• [Brief]
All lines from the opening of the entries below through the line containing "frame((0.0, 0.0, 38.1001)))" must be output exactly as they appear, with no other lines.

Stored items from a collection:
○ ○ ○ ○ ○

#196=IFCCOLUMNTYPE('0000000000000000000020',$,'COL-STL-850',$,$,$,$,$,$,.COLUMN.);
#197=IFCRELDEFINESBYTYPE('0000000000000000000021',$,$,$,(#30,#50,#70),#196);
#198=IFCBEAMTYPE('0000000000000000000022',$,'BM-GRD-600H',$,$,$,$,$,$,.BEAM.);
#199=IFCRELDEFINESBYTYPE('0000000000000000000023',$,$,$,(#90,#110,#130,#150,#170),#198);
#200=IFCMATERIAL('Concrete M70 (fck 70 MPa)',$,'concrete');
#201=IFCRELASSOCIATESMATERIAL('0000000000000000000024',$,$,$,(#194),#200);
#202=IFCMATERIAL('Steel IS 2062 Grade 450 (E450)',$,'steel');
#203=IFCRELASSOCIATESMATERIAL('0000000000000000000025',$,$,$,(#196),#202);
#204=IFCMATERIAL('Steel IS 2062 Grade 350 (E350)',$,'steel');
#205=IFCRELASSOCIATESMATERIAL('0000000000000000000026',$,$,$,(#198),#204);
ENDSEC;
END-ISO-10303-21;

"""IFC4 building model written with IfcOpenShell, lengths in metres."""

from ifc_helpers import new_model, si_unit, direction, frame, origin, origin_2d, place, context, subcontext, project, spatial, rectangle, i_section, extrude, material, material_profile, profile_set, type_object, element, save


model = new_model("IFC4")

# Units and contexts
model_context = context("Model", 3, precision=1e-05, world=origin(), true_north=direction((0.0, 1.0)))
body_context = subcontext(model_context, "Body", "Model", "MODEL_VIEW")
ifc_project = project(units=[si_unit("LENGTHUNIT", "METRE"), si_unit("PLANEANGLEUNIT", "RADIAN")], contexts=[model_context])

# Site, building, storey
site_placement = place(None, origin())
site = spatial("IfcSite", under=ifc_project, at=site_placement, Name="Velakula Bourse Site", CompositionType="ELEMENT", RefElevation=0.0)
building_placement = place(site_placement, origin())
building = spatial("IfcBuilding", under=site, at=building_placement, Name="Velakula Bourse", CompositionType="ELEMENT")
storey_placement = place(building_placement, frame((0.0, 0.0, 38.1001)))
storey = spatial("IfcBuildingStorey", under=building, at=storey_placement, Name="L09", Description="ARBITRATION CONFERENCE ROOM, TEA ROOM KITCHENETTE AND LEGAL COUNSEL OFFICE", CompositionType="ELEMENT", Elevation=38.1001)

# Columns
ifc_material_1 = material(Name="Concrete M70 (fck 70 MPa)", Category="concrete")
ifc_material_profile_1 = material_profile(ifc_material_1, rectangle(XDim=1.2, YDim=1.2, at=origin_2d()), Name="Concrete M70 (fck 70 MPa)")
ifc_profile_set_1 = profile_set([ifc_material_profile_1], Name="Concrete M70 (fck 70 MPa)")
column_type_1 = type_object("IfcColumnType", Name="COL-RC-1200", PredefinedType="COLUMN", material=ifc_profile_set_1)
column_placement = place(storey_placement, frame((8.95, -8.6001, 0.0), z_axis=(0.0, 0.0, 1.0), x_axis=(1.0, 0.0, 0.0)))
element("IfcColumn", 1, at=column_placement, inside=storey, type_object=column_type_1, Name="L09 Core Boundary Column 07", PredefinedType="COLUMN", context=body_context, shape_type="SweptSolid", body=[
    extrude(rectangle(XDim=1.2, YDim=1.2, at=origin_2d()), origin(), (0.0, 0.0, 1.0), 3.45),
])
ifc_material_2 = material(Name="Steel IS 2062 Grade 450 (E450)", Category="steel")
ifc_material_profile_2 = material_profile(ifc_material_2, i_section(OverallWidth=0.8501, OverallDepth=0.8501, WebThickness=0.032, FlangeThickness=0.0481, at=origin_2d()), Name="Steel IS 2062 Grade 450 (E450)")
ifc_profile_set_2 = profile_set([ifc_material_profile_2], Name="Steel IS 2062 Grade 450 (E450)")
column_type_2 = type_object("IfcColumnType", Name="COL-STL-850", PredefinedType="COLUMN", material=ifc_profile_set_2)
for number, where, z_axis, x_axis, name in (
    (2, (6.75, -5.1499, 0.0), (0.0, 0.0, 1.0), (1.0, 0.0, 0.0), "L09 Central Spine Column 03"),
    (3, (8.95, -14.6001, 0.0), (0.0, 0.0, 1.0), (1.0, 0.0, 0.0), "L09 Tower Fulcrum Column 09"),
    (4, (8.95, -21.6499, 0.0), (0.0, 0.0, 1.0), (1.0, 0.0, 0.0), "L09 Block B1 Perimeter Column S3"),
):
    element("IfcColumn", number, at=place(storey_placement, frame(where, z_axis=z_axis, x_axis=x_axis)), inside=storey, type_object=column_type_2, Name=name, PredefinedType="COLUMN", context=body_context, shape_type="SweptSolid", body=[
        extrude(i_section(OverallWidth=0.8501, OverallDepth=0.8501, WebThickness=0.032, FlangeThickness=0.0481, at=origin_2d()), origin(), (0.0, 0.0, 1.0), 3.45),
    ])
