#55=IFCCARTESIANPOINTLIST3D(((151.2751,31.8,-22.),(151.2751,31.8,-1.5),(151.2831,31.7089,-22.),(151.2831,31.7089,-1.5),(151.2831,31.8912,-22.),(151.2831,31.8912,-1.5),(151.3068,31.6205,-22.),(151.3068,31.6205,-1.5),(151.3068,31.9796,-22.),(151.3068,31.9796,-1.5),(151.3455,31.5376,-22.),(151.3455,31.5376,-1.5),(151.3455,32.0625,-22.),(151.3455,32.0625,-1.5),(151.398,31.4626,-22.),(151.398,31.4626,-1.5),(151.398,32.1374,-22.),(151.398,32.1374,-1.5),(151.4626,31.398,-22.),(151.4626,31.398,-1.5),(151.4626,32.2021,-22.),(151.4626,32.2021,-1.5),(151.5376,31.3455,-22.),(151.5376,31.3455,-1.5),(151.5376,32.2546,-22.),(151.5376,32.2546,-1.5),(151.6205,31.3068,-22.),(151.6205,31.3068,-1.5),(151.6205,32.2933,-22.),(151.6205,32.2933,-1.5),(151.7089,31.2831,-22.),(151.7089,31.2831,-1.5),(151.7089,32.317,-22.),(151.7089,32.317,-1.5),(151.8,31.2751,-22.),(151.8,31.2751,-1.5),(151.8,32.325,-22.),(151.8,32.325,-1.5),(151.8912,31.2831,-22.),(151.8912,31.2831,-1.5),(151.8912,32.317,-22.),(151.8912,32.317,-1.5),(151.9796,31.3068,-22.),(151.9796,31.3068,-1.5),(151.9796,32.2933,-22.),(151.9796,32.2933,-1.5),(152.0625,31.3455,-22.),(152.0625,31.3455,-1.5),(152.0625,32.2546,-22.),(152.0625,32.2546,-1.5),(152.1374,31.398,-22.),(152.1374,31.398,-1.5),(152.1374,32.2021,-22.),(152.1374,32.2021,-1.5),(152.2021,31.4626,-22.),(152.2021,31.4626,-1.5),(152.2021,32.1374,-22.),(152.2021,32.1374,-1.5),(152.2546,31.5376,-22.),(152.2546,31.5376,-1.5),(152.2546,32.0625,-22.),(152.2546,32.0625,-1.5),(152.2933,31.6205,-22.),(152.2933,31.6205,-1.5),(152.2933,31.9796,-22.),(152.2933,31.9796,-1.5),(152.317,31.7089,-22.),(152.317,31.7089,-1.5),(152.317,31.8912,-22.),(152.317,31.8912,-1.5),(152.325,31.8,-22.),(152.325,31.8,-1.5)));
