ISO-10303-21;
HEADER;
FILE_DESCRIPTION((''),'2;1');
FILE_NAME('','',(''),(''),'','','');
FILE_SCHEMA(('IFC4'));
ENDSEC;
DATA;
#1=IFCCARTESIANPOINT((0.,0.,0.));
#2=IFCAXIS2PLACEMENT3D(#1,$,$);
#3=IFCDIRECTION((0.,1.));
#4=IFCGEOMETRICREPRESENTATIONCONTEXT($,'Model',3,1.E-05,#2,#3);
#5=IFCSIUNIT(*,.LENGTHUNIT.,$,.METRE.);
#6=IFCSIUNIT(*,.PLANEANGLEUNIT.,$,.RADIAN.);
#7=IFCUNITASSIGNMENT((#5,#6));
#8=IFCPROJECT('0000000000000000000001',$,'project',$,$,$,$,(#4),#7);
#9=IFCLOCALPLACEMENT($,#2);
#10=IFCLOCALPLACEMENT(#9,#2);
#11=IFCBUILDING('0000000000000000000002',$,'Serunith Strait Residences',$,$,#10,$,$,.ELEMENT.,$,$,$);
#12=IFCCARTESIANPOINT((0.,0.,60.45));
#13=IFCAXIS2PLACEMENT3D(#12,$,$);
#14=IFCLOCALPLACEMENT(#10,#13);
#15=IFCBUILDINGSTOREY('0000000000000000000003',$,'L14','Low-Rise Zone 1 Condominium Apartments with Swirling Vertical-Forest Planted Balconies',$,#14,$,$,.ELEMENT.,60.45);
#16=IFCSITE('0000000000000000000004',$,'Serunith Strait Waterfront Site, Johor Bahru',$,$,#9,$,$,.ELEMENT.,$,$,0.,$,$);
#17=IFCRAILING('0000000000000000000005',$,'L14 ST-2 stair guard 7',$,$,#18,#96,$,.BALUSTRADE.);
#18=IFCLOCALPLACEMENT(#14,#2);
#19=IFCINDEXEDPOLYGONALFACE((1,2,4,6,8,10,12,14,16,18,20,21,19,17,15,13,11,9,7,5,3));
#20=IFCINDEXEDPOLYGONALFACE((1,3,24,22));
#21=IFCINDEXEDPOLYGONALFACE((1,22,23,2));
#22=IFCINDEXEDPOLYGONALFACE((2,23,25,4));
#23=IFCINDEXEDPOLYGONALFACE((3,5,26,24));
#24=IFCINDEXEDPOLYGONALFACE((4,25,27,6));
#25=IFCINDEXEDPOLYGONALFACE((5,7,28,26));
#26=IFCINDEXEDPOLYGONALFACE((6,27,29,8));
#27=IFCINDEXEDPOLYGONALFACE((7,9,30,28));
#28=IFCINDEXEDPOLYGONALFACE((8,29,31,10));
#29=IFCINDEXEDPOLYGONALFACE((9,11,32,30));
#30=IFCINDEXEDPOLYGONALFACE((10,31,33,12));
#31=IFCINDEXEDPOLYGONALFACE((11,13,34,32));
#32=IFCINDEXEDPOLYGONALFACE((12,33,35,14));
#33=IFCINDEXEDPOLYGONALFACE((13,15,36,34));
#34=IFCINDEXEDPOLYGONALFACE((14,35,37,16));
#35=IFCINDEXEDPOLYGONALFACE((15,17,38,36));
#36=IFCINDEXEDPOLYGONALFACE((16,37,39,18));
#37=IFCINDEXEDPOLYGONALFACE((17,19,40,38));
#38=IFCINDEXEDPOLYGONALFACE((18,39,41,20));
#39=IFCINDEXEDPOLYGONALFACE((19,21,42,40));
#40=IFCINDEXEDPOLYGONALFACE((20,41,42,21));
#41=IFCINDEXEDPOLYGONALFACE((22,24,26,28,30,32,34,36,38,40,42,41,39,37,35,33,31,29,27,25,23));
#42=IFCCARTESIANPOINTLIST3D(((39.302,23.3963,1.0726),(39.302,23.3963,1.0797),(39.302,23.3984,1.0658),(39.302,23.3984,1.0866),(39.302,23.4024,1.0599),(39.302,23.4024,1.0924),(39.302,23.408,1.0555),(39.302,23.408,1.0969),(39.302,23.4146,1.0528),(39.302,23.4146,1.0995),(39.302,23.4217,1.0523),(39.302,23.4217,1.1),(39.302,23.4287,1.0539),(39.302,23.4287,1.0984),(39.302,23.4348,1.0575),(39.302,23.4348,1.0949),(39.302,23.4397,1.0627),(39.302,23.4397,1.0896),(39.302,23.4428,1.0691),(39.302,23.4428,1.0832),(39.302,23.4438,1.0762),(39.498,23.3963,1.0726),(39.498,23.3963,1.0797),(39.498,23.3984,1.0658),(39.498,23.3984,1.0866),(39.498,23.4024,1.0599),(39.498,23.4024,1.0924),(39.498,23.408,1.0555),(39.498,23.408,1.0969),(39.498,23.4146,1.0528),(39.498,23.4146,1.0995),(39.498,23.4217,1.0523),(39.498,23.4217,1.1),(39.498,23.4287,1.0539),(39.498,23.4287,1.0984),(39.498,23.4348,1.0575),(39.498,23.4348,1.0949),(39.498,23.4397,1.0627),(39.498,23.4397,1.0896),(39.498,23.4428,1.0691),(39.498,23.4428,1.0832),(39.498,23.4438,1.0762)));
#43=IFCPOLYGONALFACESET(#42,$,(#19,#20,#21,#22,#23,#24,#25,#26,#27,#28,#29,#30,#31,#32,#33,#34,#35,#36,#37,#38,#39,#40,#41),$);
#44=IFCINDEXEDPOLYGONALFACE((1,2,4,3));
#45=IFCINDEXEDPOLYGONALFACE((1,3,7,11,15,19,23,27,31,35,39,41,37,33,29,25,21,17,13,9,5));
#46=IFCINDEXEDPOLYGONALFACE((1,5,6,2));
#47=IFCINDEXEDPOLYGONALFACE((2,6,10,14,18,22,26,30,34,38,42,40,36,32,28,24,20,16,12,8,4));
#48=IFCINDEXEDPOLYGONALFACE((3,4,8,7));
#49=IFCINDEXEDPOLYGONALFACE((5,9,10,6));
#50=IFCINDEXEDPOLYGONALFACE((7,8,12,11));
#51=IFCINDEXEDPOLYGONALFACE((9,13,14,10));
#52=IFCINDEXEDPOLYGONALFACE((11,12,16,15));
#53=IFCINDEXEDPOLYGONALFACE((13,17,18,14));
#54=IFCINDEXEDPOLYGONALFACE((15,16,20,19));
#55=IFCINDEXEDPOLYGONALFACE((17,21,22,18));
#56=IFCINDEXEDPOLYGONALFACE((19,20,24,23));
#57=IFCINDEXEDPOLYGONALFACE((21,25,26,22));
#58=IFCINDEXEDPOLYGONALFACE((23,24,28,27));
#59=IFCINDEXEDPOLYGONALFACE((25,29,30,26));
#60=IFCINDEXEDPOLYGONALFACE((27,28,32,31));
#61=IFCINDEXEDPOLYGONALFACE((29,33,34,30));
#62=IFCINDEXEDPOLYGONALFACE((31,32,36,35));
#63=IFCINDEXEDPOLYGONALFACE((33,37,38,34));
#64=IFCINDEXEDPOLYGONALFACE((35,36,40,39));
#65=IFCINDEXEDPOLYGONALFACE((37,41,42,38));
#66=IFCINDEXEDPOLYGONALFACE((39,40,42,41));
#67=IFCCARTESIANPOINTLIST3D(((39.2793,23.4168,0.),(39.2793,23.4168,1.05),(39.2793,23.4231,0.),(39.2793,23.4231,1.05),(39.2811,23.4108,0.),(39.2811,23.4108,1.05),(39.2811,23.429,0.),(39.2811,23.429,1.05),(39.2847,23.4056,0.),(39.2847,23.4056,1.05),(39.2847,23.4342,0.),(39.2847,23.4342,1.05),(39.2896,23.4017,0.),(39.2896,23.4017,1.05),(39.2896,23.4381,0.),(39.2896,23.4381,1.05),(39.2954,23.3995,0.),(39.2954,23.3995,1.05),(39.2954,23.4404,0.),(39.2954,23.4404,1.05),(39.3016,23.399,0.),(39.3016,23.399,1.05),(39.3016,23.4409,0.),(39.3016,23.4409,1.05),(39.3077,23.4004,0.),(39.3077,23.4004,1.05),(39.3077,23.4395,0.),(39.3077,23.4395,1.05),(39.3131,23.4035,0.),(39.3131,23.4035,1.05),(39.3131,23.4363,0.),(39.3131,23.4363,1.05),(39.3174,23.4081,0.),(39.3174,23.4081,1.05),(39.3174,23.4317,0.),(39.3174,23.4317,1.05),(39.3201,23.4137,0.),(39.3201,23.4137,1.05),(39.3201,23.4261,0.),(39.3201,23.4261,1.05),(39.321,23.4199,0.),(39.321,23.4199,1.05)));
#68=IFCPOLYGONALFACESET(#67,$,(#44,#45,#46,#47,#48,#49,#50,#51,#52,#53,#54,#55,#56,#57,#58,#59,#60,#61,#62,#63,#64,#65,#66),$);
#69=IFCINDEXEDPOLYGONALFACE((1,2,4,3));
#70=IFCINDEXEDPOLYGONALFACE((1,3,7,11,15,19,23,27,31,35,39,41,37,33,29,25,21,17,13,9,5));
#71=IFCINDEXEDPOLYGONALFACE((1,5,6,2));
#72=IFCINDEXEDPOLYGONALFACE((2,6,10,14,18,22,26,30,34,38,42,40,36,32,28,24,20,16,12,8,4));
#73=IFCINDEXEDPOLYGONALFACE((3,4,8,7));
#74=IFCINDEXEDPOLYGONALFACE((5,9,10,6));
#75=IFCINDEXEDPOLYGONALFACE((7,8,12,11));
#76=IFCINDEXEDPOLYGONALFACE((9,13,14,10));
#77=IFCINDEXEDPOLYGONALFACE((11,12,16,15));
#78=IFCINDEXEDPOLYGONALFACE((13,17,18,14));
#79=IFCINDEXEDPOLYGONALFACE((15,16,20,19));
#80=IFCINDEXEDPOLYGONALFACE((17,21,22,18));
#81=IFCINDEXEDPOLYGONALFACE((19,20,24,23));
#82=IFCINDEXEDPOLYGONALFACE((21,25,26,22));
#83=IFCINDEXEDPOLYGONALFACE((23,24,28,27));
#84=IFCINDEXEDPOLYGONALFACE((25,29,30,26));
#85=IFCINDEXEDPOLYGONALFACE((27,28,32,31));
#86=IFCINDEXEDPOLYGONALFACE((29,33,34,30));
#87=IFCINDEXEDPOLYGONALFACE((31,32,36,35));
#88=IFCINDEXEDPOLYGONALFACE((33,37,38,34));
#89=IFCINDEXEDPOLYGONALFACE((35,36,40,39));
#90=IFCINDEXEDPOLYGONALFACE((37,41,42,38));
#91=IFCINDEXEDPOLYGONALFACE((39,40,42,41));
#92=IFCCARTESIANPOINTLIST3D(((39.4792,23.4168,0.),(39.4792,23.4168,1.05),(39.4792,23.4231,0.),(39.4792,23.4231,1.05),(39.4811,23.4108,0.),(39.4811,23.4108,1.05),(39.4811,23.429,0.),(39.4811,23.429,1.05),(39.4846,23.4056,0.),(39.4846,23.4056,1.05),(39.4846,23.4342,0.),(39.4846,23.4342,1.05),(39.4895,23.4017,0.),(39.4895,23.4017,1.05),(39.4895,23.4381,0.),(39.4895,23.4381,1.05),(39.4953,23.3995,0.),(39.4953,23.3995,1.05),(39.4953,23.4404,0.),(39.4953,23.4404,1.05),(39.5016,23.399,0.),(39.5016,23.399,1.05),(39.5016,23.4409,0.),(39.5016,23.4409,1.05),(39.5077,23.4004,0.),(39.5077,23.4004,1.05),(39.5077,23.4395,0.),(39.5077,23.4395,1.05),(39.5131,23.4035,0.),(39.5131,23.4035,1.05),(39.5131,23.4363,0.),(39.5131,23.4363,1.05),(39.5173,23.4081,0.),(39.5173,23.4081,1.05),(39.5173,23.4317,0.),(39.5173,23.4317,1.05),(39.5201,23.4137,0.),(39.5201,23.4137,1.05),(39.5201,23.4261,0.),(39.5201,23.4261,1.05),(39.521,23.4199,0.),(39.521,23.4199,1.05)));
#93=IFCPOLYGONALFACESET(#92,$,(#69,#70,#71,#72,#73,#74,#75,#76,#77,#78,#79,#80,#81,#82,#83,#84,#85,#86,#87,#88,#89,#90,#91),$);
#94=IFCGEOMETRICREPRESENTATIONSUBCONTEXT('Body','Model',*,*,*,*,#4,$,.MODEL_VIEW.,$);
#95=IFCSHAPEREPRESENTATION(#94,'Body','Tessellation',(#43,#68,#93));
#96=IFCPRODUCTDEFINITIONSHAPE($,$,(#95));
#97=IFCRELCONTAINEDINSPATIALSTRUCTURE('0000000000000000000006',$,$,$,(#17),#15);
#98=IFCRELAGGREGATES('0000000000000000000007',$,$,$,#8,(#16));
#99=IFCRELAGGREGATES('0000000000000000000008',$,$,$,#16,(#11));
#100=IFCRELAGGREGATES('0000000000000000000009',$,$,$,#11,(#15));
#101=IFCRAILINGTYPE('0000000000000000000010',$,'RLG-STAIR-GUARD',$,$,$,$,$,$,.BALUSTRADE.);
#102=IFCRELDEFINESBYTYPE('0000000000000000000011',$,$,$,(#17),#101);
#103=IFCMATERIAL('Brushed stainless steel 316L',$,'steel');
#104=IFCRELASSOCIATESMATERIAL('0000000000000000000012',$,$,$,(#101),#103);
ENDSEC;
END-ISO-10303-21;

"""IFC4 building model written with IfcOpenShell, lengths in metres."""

from ifc_helpers import new_model, si_unit, direction, frame, origin, origin_2d, place, context, subcontext, project, spatial, circle, extrude, material, type_object, element, save


model = new_model("IFC4")

# Units and contexts
model_context = context("Model", 3, precision=1e-05, world=origin(), true_north=direction((0.0, 1.0)))
body_context = subcontext(model_context, "Body", "Model", "MODEL_VIEW")
ifc_project = project(units=[si_unit("LENGTHUNIT", "METRE"), si_unit("PLANEANGLEUNIT", "RADIAN")], contexts=[model_context])

# Site, building, storey
site_placement = place(None, origin())
site = spatial("IfcSite", under=ifc_project, at=site_placement, Name="Serunith Strait Waterfront Site, Johor Bahru", CompositionType="ELEMENT", RefElevation=0.0)
building_placement = place(site_placement, origin())
building = spatial("IfcBuilding", under=site, at=building_placement, Name="Serunith Strait Residences", CompositionType="ELEMENT")
storey_placement = place(building_placement, frame((0.0, 0.0, 60.45)))
storey = spatial("IfcBuildingStorey", under=building, at=storey_placement, Name="L14", Description="Low-Rise Zone 1 Condominium Apartments with Swirling Vertical-Forest Planted Balconies", CompositionType="ELEMENT", Elevation=60.45)

# Railing
ifc_material_1 = material(Name="Brushed stainless steel 316L", Category="steel")
railing_type_1 = type_object("IfcRailingType", Name="RLG-STAIR-GUARD", PredefinedType="BALUSTRADE", material=ifc_material_1)
railing_1_placement = place(storey_placement, frame((39.3, 23.4199, 0.0)))
element("IfcRailing", 1, at=railing_1_placement, inside=storey, type_object=railing_type_1, Name="L14 ST-2 stair guard 7", PredefinedType="BALUSTRADE", context=body_context, shape_type="SweptSolid", body=[
    extrude(circle(Radius=0.0239, at=origin_2d()), frame((0.002, 0.0, 1.0762), z_axis=(1.0, 0.0, 0.0), x_axis=(0.0, 1.0, 0.0)), (0.0, 0.0, 1.0), 0.196),
    extrude(circle(Radius=0.021, at=origin_2d()), origin(), (0.0, 0.0, 1.0), 1.05),
    extrude(circle(Radius=0.021, at=origin_2d()), frame((0.2, 0.0, 0.0)), (0.0, 0.0, 1.0), 1.05),
])

save(model, "model.ifc")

○ ○ ○ ○ ○

• [Solution to the exercise]
#196=IFCCOLUMNTYPE('0000000000000000000020',$,'COL-STL-850',$,$,$,$,$,$,.COLUMN.);
#197=IFCRELDEFINESBYTYPE('0000000000000000000021',$,$,$,(#30,#50,#70),#196);
#198=IFCBEAMTYPE('0000000000000000000022',$,'BM-GRD-600H',$,$,$,$,$,$,.BEAM.);
#199=IFCRELDEFINESBYTYPE('0000000000000000000023',$,$,$,(#90,#110,#130,#150,#170),#198);
#200=IFCMATERIAL('Concrete M70 (fck 70 MPa)',$,'concrete');
#201=IFCRELASSOCIATESMATERIAL('0000000000000000000024',$,$,$,(#194),#200);
#202=IFCMATERIAL('Steel IS 2062 Grade 450 (E450)',$,'steel');
#203=IFCRELASSOCIATESMATERIAL('0000000000000000000025',$,$,$,(#196),#202);
#204=IFCMATERIAL('Steel IS 2062 Grade 350 (E350)',$,'steel');
#205=IFCRELASSOCIATESMATERIAL('0000000000000000000026',$,$,$,(#198),#204);
ENDSEC;
END-ISO-10303-21;

"""IFC4 building model written with IfcOpenShell, lengths in metres."""

from ifc_helpers import new_model, si_unit, direction, frame, origin, origin_2d, place, context, subcontext, project, spatial, rectangle, i_section, extrude, material, material_profile, profile_set, type_object, element, save


model = new_model("IFC4")

# Units and contexts
model_context = context("Model", 3, precision=1e-05, world=origin(), true_north=direction((0.0, 1.0)))
body_context = subcontext(model_context, "Body", "Model", "MODEL_VIEW")
ifc_project = project(units=[si_unit("LENGTHUNIT", "METRE"), si_unit("PLANEANGLEUNIT", "RADIAN")], contexts=[model_context])

# Site, building, storey
site_placement = place(None, origin())
site = spatial("IfcSite", under=ifc_project, at=site_placement, Name="Velakula Bourse Site", CompositionType="ELEMENT", RefElevation=0.0)
building_placement = place(site_placement, origin())
building = spatial("IfcBuilding", under=site, at=building_placement, Name="Velakula Bourse", CompositionType="ELEMENT")
storey_placement = place(building_placement, frame((0.0, 0.0, 38.1001)))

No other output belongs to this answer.